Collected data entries
· · ·
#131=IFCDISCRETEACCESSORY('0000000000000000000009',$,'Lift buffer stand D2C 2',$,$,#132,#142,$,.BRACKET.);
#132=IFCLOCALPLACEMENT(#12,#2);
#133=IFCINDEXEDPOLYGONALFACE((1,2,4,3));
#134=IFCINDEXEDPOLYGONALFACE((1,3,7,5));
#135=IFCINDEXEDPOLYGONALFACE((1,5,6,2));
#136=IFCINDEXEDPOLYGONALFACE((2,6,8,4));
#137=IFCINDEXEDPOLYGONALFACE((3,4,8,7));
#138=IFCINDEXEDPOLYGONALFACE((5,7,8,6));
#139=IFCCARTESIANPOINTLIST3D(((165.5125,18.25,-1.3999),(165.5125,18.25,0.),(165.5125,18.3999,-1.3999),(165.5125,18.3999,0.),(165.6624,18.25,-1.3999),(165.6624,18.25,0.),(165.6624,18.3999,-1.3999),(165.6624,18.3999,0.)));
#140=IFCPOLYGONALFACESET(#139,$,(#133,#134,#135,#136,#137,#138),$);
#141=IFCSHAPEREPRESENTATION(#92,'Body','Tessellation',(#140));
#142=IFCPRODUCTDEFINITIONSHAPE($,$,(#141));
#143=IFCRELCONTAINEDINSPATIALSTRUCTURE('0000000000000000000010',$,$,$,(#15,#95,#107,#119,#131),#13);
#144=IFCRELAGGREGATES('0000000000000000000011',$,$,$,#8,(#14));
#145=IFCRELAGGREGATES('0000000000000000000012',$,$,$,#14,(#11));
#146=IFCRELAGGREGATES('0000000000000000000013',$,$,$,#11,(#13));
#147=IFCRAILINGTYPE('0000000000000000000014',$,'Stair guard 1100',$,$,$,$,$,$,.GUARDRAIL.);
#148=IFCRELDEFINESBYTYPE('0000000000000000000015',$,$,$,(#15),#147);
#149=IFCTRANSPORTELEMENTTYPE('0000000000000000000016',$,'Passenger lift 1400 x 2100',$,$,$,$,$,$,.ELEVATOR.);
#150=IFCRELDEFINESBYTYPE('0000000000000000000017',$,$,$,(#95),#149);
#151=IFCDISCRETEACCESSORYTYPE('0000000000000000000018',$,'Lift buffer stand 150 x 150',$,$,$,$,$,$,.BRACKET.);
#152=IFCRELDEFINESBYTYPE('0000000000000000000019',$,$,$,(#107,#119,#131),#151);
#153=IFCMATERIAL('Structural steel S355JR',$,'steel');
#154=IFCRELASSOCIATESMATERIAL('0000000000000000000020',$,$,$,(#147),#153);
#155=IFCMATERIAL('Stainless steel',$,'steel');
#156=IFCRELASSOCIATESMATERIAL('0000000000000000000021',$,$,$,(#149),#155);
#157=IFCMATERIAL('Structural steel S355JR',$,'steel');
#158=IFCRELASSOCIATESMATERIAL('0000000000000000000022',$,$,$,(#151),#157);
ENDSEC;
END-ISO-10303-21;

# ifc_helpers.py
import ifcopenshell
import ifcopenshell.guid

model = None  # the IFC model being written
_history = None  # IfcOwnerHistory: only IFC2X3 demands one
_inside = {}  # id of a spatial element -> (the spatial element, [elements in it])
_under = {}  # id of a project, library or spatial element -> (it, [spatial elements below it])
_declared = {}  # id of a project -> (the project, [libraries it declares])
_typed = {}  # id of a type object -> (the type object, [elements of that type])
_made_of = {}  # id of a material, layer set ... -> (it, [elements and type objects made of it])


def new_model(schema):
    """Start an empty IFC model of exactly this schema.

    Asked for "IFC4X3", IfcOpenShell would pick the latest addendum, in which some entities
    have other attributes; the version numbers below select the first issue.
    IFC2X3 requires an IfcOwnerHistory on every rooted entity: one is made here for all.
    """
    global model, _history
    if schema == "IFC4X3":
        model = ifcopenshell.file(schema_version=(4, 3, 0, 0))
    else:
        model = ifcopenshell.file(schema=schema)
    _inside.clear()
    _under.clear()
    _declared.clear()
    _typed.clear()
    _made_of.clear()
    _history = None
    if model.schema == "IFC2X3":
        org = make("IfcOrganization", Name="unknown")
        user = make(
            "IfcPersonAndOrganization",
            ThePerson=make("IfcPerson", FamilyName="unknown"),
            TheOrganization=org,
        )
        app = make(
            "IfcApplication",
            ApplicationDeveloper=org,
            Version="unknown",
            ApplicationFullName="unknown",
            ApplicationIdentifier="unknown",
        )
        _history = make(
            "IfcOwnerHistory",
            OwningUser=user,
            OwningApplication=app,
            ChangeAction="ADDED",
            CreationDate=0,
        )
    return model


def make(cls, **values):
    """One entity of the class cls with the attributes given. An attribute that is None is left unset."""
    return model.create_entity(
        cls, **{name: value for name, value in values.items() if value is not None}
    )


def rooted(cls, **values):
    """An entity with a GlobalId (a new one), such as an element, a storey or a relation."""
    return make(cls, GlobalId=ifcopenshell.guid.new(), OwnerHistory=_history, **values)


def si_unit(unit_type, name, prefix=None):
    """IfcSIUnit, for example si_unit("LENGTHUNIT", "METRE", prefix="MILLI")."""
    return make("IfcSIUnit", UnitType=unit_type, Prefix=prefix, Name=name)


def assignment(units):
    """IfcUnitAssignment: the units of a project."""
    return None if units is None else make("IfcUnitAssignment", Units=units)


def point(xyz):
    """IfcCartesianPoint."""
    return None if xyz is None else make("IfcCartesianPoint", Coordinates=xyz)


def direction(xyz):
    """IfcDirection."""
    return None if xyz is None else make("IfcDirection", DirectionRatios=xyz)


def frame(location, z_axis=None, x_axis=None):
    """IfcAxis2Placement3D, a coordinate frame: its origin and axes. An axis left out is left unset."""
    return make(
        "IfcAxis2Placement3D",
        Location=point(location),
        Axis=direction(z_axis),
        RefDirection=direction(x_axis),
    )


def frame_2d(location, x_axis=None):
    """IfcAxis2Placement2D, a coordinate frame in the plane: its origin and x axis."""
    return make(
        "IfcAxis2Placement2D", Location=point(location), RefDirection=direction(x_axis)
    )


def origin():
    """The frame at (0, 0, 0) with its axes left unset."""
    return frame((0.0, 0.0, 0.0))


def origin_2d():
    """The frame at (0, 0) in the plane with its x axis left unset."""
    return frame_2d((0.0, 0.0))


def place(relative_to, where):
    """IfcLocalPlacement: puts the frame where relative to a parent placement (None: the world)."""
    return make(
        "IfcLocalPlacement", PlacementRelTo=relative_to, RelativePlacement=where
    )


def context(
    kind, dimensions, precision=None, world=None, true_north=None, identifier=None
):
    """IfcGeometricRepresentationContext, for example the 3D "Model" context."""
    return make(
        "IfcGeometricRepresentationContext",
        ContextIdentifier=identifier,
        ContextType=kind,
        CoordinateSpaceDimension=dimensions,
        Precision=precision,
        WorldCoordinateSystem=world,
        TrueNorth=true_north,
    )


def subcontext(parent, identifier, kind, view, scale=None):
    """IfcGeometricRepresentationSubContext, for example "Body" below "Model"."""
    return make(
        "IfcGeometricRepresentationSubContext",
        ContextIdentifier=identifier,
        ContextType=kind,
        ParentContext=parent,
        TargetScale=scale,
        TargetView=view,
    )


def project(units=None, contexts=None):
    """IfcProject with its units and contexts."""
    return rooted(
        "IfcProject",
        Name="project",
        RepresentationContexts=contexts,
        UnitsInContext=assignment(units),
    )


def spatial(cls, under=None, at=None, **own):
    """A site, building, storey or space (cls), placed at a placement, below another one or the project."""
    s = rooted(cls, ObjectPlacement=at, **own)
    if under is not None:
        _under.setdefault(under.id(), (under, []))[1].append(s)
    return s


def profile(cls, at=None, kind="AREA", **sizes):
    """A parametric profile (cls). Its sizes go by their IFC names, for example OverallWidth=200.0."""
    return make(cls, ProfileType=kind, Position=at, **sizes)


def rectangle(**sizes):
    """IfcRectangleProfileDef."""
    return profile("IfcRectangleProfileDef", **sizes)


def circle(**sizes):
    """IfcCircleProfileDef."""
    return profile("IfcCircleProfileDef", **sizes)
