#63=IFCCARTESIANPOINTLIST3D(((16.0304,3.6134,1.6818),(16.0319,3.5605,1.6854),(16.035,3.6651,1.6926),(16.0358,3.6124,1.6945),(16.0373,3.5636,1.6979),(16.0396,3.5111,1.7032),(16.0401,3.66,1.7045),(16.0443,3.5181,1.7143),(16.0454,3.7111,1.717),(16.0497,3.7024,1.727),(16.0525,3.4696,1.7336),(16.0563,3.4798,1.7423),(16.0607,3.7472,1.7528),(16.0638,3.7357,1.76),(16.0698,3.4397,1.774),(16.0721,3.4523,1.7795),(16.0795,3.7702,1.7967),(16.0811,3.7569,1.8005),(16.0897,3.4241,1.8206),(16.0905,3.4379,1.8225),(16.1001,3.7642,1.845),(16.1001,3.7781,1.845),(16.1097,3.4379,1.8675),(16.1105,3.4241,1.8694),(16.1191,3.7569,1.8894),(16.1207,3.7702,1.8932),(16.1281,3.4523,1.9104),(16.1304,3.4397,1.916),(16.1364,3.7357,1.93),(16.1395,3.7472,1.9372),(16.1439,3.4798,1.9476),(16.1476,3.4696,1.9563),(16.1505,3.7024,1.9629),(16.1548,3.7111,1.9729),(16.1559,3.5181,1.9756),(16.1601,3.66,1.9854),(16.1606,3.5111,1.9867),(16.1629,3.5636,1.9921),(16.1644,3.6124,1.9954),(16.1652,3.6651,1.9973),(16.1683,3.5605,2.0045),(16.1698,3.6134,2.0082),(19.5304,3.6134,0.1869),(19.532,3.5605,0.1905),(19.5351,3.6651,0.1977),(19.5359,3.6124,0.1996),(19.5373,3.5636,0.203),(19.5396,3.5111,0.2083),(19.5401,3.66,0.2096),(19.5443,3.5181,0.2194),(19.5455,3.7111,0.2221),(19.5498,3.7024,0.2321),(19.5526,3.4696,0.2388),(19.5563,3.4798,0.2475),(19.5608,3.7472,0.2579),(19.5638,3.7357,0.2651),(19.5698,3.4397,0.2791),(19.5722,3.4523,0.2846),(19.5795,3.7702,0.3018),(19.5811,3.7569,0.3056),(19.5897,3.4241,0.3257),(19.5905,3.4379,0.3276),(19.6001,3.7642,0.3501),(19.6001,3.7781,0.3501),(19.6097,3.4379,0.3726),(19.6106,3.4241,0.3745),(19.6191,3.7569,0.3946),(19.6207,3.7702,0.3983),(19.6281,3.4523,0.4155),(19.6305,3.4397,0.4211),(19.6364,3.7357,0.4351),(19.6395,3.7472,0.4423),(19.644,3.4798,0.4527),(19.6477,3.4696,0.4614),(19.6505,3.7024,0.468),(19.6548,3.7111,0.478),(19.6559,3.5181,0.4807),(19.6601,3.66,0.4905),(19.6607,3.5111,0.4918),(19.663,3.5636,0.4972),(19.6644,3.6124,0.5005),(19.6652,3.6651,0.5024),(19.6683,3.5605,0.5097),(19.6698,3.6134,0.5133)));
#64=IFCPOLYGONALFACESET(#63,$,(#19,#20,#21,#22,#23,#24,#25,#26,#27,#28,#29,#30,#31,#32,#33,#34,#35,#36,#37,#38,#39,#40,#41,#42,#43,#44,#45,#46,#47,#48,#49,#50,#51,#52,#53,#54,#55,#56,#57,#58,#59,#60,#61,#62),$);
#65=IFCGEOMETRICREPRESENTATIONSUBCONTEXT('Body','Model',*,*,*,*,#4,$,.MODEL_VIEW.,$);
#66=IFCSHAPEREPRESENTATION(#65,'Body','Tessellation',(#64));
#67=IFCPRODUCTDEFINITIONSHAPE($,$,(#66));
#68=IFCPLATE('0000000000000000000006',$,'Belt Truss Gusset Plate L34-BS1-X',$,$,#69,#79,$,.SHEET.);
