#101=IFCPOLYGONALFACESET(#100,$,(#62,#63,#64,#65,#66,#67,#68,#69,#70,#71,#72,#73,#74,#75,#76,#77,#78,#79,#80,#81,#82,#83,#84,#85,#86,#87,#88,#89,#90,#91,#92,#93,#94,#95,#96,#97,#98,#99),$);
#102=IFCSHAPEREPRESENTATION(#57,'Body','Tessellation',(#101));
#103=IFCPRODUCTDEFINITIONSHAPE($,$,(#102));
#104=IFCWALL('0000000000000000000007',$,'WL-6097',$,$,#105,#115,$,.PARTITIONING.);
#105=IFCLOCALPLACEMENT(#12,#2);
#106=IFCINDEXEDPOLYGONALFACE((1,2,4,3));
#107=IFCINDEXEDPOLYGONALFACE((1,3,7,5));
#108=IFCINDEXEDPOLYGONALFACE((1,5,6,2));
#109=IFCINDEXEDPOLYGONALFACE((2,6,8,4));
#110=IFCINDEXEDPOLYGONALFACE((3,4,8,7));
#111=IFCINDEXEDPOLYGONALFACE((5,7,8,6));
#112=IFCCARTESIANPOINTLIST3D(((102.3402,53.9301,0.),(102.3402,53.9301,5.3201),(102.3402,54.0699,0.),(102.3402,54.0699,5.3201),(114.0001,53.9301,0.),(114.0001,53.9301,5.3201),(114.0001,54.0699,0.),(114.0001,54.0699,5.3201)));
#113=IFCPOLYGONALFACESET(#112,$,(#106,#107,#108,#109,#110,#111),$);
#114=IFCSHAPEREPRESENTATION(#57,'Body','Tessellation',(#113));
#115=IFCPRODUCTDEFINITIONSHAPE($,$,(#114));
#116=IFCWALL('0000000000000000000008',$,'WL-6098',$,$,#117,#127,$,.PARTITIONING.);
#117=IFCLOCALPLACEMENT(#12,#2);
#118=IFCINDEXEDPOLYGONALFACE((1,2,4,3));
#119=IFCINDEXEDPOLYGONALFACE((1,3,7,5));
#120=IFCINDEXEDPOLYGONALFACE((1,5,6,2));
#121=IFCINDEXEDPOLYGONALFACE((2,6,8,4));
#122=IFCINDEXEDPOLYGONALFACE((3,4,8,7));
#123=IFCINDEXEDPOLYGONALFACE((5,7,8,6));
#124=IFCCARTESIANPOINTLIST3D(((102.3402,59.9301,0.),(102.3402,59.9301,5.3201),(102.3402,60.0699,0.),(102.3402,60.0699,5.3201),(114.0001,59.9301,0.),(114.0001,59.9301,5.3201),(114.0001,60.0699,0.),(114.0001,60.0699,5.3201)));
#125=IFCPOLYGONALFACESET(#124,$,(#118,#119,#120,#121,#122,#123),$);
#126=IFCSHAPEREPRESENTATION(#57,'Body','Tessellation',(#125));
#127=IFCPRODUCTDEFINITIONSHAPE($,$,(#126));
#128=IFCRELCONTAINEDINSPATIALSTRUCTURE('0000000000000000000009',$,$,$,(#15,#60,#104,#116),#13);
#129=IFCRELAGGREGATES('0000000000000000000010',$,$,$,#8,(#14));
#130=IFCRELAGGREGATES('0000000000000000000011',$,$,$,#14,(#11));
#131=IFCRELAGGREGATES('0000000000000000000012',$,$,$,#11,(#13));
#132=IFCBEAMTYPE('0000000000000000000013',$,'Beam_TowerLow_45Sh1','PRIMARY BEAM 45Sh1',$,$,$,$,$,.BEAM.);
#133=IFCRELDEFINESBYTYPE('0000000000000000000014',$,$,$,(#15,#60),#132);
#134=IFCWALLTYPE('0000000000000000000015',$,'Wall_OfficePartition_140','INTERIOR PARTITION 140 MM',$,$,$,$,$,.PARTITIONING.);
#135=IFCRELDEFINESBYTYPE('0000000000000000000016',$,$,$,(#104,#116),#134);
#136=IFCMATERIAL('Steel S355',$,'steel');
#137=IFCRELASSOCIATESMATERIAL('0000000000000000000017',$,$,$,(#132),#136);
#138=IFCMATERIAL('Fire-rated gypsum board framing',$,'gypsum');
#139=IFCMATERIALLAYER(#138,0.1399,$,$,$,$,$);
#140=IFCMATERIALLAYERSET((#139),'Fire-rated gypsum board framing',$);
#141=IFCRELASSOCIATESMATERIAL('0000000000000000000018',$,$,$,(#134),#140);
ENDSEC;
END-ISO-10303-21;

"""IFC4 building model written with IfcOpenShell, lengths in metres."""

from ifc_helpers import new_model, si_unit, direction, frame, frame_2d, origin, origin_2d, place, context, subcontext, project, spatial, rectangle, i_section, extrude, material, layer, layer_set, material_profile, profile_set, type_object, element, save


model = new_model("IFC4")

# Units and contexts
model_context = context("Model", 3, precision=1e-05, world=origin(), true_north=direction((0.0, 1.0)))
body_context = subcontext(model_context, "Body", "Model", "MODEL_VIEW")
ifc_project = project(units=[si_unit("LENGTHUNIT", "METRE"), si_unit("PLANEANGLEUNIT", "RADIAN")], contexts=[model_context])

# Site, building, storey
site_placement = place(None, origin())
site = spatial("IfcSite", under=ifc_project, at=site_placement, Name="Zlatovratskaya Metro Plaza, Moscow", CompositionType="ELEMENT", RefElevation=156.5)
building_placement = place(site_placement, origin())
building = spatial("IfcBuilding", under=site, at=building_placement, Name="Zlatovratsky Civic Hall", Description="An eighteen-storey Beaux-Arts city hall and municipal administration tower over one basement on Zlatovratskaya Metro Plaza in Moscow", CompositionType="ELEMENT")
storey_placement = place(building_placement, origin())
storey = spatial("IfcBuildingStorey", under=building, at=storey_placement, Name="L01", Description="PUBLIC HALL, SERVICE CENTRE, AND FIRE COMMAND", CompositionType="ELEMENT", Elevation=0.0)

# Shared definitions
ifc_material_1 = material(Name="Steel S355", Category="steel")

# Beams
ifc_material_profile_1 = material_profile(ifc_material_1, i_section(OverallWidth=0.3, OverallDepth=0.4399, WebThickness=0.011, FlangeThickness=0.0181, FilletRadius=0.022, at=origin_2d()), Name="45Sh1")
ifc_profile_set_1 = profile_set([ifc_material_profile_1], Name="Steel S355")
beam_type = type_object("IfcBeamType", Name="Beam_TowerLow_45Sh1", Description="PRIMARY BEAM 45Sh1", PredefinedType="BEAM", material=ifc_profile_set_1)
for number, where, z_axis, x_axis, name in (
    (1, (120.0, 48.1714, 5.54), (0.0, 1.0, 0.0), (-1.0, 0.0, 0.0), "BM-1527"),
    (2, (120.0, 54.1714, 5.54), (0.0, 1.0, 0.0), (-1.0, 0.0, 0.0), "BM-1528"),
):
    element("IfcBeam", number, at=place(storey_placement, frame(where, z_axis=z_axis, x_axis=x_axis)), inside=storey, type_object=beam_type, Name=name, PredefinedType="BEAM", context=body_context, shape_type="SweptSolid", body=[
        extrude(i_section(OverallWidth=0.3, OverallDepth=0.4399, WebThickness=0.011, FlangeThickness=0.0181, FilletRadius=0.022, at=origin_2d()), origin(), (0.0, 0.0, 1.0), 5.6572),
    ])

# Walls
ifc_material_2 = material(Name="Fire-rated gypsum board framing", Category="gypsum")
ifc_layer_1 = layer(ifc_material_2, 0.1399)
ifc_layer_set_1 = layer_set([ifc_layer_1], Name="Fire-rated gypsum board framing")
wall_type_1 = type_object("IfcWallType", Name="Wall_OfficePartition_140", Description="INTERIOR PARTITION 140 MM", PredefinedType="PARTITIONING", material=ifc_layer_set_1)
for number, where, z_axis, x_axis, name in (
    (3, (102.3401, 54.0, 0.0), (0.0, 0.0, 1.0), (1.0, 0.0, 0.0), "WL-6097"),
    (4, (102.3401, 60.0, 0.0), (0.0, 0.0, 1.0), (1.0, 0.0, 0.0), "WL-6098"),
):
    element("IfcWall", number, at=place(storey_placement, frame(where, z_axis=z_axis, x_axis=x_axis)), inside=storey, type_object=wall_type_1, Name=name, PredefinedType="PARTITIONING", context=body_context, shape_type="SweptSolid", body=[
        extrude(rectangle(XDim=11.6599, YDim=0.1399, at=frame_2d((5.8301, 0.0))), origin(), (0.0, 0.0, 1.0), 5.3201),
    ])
· · ·
### REQUIREMENT
From the records above, give again exactly the lines running from the line with "#141=IFCSHAPEREPRESENTATION(#92,'Body','Tessellation',(#140));" to the line with "#144=IFCRELAGGREGATES('0000000000000000000011',$,$,$,#8,(#14));", inclusive.

### EXERCISE RESPONSE
#141=IFCSHAPEREPRESENTATION(#92,'Body','Tessellation',(#140));
#142=IFCPRODUCTDEFINITIONSHAPE($,$,(#141));
#143=IFCRELCONTAINEDINSPATIALSTRUCTURE('0000000000000000000010',$,$,$,(#15,#95,#107,#119,#131),#13);
#144=IFCRELAGGREGATES('0000000000000000000011',$,$,$,#8,(#14));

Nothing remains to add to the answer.